**Aim of the exercise**
Which lines of the listing hold the string "IFCMEMBERTYPE"? Show each of them.

------------------------------------------------------------

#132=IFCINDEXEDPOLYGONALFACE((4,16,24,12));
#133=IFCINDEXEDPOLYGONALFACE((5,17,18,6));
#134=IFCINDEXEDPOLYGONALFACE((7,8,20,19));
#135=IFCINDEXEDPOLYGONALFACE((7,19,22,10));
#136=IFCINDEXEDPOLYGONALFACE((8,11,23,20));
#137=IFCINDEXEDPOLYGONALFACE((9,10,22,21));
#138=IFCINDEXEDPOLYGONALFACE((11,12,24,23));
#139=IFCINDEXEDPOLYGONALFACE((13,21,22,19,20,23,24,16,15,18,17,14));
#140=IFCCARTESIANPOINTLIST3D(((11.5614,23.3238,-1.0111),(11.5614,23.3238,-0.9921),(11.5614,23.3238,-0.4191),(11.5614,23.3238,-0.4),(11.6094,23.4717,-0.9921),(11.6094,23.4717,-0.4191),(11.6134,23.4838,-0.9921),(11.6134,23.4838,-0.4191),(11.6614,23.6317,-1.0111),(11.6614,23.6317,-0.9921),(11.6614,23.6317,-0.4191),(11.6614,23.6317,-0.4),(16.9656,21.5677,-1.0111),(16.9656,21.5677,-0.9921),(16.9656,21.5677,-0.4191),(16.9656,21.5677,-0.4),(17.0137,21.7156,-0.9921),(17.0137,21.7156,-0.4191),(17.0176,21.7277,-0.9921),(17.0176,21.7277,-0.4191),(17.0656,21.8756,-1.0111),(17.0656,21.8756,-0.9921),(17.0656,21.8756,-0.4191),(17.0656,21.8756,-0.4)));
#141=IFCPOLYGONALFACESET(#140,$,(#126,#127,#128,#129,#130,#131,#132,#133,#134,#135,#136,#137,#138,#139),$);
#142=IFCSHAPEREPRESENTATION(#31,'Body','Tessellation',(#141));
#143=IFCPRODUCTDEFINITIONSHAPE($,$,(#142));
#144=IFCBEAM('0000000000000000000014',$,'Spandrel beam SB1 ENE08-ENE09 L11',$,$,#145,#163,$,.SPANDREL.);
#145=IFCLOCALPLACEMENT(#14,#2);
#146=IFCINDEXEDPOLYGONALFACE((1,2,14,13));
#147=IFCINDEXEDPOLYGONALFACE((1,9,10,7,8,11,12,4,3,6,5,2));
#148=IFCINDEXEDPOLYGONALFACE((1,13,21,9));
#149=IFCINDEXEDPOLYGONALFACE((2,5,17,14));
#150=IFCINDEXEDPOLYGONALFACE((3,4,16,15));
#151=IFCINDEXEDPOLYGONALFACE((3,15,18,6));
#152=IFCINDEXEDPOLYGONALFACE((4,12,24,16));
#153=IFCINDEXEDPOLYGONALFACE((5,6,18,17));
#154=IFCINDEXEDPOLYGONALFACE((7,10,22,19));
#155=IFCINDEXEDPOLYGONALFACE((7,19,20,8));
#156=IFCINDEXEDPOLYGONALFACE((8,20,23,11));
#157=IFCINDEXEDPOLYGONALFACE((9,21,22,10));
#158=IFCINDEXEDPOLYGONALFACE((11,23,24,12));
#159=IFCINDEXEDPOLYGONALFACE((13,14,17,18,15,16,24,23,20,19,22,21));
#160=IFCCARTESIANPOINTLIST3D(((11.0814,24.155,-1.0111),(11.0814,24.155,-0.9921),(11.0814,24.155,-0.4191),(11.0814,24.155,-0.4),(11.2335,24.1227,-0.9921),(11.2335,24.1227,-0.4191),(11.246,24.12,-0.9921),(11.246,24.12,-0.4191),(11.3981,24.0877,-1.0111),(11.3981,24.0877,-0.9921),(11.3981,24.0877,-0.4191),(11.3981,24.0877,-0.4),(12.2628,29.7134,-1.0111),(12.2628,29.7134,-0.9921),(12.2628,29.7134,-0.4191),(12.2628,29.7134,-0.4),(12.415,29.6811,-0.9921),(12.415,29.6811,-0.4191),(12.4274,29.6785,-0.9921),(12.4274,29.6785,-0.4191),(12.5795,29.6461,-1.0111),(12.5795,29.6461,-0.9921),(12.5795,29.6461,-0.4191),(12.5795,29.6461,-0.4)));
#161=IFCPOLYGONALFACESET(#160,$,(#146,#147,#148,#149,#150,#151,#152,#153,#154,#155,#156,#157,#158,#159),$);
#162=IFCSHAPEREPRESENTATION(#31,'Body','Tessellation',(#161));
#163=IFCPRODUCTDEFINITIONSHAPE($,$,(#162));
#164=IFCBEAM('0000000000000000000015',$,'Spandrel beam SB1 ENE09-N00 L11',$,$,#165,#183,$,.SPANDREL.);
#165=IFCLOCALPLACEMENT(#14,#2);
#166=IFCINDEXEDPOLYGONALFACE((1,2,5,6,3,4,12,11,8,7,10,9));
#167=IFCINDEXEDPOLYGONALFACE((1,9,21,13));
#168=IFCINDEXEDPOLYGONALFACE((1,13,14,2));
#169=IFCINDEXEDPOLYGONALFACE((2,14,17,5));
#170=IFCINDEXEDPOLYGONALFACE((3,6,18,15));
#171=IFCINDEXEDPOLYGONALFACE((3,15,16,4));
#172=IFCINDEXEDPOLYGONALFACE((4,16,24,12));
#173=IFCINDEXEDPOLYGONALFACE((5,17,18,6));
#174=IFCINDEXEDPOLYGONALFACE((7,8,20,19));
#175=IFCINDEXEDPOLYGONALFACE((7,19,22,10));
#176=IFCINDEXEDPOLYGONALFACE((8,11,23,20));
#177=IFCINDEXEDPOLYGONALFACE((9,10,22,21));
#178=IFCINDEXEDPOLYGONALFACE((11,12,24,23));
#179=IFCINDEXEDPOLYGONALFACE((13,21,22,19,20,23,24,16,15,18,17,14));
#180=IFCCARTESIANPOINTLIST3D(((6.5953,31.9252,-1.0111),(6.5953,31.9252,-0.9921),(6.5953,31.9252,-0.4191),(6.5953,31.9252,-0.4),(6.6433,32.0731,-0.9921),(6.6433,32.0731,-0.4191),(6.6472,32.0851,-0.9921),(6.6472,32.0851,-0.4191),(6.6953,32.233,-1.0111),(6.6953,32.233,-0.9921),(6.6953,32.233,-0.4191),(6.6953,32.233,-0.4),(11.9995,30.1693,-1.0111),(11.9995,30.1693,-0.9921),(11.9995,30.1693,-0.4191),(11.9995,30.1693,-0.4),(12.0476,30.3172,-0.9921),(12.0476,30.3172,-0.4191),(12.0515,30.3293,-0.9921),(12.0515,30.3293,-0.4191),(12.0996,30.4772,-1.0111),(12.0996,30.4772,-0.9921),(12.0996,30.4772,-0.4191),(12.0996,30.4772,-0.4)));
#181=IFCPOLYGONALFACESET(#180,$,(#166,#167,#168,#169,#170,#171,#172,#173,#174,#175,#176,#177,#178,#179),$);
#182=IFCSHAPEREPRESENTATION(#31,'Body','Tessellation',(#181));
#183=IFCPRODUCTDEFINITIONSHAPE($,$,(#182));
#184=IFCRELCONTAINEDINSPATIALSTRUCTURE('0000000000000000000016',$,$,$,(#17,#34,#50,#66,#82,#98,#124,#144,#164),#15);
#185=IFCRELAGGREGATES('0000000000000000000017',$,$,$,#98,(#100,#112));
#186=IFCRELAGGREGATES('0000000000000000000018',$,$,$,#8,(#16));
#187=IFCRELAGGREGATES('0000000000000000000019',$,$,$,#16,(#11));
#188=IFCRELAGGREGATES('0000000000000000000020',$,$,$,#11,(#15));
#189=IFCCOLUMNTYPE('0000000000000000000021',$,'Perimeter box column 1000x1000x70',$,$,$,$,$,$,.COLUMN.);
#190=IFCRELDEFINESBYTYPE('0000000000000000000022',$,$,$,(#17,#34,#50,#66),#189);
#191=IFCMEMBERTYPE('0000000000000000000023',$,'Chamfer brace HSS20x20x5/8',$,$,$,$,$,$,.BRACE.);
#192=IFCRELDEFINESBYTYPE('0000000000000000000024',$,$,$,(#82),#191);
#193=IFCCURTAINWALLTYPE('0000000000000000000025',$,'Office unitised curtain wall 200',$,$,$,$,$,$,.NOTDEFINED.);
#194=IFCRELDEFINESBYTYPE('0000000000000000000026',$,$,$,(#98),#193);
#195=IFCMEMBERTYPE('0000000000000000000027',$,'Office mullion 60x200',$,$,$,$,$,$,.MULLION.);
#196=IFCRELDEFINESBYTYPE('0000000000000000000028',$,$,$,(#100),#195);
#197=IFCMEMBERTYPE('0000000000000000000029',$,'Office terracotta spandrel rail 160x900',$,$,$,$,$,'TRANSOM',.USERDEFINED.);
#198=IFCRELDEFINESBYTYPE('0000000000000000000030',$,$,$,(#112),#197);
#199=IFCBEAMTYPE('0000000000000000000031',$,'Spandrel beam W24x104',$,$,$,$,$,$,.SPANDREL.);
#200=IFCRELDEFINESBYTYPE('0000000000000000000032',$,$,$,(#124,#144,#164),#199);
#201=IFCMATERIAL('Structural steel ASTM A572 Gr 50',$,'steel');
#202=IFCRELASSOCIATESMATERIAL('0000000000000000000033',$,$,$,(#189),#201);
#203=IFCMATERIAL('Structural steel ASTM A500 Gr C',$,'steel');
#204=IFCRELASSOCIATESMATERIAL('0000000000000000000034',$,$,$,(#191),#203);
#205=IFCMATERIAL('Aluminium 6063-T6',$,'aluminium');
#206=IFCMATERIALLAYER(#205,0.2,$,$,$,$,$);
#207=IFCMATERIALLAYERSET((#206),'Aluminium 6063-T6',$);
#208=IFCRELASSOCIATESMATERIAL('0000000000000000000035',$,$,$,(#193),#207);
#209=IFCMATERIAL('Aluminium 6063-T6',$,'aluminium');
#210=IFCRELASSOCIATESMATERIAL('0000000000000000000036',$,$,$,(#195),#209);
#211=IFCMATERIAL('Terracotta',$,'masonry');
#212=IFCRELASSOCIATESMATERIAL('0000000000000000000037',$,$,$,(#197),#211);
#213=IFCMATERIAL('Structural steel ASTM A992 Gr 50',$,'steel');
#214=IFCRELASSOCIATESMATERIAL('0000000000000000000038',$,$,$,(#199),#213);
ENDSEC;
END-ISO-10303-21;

------------------------------------------------------------

**Task result**
#191=IFCMEMBERTYPE('0000000000000000000023',$,'Chamfer brace HSS20x20x5/8',$,$,$,$,$,$,.BRACE.);
#195=IFCMEMBERTYPE('0000000000000000000027',$,'Office mullion 60x200',$,$,$,$,$,$,.MULLION.);
#197=IFCMEMBERTYPE('0000000000000000000029',$,'Office terracotta spandrel rail 160x900',$,$,$,$,$,'TRANSOM',.USERDEFINED.);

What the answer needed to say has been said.